* _LISTED RECORDS_:
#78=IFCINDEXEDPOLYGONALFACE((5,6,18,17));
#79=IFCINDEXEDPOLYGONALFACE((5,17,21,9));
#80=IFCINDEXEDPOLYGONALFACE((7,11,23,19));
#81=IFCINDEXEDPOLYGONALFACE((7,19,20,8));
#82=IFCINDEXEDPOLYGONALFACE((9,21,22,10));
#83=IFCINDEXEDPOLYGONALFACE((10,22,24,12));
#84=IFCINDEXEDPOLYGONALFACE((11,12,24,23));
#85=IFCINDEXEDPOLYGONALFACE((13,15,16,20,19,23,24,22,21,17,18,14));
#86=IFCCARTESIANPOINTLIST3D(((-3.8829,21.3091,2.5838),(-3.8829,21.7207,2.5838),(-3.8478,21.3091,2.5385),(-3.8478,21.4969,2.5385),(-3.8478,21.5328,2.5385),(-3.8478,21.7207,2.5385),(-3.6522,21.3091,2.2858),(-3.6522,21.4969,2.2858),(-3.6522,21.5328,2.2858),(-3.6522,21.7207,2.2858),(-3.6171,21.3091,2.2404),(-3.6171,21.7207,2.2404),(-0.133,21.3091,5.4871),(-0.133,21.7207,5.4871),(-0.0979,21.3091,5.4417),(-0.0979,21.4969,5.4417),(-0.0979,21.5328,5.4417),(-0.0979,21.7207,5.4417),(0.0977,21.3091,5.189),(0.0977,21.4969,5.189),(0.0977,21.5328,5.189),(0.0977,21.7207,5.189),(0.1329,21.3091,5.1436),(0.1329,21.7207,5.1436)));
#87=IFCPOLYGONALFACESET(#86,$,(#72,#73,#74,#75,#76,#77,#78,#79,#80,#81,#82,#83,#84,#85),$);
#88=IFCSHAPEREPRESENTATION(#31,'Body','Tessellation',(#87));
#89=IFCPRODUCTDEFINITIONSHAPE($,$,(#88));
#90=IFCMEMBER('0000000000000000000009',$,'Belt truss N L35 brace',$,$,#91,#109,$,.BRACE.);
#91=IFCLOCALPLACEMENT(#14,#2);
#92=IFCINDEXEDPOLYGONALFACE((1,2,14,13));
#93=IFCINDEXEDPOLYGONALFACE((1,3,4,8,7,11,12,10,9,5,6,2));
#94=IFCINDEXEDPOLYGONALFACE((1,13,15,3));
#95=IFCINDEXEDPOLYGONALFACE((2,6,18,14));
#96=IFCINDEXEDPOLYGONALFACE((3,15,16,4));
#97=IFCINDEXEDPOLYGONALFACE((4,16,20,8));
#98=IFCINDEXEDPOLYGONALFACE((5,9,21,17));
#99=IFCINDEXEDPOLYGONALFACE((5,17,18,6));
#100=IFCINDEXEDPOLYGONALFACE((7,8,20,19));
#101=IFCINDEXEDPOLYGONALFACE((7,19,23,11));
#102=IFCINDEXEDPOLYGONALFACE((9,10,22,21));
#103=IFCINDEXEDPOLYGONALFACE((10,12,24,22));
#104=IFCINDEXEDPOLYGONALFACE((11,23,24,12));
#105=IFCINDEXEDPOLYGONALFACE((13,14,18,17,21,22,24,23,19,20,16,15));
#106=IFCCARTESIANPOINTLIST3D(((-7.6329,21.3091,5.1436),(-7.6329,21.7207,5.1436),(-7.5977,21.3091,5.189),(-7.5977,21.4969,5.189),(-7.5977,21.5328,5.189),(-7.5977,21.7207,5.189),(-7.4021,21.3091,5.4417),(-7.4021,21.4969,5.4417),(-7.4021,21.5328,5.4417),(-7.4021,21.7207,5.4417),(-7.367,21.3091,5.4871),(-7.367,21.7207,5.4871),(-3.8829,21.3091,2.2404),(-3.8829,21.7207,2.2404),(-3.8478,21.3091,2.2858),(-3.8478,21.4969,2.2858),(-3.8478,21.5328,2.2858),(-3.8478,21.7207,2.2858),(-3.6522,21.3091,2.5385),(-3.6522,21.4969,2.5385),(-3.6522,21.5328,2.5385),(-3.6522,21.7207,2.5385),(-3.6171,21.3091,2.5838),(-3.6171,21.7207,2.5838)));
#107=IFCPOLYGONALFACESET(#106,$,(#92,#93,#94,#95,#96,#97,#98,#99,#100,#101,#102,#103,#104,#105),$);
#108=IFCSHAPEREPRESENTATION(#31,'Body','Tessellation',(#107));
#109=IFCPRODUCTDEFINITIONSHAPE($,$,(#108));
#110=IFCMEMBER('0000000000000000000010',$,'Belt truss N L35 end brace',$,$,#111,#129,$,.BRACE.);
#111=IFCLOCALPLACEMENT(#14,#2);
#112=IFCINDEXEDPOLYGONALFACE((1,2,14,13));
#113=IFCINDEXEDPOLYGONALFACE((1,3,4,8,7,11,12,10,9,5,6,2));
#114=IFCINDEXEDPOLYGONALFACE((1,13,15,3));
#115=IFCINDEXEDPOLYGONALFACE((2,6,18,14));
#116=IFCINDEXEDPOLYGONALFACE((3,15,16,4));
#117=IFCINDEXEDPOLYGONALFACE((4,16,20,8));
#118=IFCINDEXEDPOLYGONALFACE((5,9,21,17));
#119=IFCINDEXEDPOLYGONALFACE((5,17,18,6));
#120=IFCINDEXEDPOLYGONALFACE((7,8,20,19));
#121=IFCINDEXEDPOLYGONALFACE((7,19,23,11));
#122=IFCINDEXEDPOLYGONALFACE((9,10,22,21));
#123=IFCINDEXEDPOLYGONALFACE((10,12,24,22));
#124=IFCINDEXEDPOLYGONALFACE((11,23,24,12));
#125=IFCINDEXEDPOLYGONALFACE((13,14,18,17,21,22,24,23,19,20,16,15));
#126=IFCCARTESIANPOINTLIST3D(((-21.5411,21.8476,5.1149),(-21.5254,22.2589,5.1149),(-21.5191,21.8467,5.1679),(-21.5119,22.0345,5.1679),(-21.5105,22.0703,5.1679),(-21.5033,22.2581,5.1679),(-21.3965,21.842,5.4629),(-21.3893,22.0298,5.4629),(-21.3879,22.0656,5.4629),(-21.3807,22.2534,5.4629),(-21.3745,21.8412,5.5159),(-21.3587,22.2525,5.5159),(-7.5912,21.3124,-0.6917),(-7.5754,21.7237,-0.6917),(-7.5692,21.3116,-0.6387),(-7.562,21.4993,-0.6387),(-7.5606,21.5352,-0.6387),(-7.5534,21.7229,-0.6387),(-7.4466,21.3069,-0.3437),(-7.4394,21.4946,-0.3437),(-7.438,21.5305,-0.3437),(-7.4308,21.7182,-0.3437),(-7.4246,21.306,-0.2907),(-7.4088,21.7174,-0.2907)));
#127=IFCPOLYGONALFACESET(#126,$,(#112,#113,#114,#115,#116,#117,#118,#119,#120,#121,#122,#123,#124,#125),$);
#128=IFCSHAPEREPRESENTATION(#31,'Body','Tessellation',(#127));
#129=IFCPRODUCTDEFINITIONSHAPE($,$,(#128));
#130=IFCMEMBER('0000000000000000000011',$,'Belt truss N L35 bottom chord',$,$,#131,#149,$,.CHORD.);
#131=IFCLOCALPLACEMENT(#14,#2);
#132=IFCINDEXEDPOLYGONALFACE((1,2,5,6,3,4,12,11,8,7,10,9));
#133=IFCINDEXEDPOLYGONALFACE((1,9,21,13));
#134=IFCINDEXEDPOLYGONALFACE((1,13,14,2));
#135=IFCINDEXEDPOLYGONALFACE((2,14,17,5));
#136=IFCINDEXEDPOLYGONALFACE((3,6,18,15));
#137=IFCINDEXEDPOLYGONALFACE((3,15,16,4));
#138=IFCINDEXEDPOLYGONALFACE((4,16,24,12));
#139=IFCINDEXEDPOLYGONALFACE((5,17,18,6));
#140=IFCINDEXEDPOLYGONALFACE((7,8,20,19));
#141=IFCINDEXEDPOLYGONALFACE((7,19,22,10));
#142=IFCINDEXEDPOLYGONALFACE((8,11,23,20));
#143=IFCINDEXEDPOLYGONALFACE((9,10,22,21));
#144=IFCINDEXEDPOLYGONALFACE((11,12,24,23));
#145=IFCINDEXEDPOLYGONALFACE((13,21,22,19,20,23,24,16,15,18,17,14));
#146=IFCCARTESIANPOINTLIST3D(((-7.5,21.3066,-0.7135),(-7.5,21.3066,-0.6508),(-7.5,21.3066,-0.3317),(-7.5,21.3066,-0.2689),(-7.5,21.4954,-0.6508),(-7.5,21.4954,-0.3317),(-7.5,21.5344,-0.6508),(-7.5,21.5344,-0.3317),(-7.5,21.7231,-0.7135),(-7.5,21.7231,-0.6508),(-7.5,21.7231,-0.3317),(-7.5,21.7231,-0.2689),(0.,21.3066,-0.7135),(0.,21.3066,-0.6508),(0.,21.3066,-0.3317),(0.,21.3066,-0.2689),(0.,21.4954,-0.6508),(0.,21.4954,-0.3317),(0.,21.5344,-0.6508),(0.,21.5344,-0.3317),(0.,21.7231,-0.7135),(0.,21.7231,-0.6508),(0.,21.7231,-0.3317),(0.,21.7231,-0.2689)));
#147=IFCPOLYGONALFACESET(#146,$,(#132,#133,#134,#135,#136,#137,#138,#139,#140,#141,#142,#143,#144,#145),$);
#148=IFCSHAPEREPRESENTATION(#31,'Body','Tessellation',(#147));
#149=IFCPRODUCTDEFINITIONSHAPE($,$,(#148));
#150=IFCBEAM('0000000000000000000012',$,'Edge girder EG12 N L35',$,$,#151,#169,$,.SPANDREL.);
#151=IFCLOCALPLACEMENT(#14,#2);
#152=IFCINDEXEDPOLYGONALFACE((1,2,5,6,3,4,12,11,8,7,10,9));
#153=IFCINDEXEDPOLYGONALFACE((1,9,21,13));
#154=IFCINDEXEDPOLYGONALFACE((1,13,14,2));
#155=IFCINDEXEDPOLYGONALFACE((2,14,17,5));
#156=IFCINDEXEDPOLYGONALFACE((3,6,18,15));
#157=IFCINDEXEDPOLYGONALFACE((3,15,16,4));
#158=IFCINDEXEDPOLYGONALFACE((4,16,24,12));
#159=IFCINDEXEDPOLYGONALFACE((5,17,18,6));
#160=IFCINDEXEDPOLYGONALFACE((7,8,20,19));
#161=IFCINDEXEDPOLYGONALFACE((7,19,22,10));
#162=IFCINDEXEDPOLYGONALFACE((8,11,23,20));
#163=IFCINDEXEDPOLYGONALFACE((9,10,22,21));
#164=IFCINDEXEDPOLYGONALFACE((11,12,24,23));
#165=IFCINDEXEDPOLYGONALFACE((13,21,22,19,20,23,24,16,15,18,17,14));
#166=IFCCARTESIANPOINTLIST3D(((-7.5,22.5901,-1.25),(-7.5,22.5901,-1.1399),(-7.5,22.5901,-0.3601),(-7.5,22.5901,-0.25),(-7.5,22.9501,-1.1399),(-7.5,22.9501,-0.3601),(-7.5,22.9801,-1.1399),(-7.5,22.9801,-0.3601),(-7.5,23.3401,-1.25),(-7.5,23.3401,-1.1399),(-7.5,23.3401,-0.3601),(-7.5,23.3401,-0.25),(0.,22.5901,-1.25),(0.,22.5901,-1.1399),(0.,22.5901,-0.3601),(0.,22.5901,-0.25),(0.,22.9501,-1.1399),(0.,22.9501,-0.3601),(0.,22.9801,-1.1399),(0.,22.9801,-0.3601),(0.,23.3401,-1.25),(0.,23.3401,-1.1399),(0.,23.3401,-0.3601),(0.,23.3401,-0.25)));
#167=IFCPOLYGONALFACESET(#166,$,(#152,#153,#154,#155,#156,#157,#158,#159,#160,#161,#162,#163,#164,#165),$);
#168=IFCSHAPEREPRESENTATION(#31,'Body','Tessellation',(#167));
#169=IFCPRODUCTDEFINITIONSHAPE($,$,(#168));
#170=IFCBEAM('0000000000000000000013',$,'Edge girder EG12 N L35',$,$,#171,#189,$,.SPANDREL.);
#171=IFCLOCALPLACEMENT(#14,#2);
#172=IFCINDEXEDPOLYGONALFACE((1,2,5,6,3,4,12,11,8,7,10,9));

* _TASK DIRECTIONS_: When you reach the line holding "#97=IFCINDEXEDPOLYGONALFACE((4,16,20,8));" in the records above, begin reproducing exactly, stop after the line holding "#104=IFCINDEXEDPOLYGONALFACE((11,23,24,12));", and output nothing else.

* _RESULT OF THE TASK_:
#97=IFCINDEXEDPOLYGONALFACE((4,16,20,8));
#98=IFCINDEXEDPOLYGONALFACE((5,9,21,17));
#99=IFCINDEXEDPOLYGONALFACE((5,17,18,6));
#100=IFCINDEXEDPOLYGONALFACE((7,8,20,19));
#101=IFCINDEXEDPOLYGONALFACE((7,19,23,11));
#102=IFCINDEXEDPOLYGONALFACE((9,10,22,21));
#103=IFCINDEXEDPOLYGONALFACE((10,12,24,22));
#104=IFCINDEXEDPOLYGONALFACE((11,23,24,12));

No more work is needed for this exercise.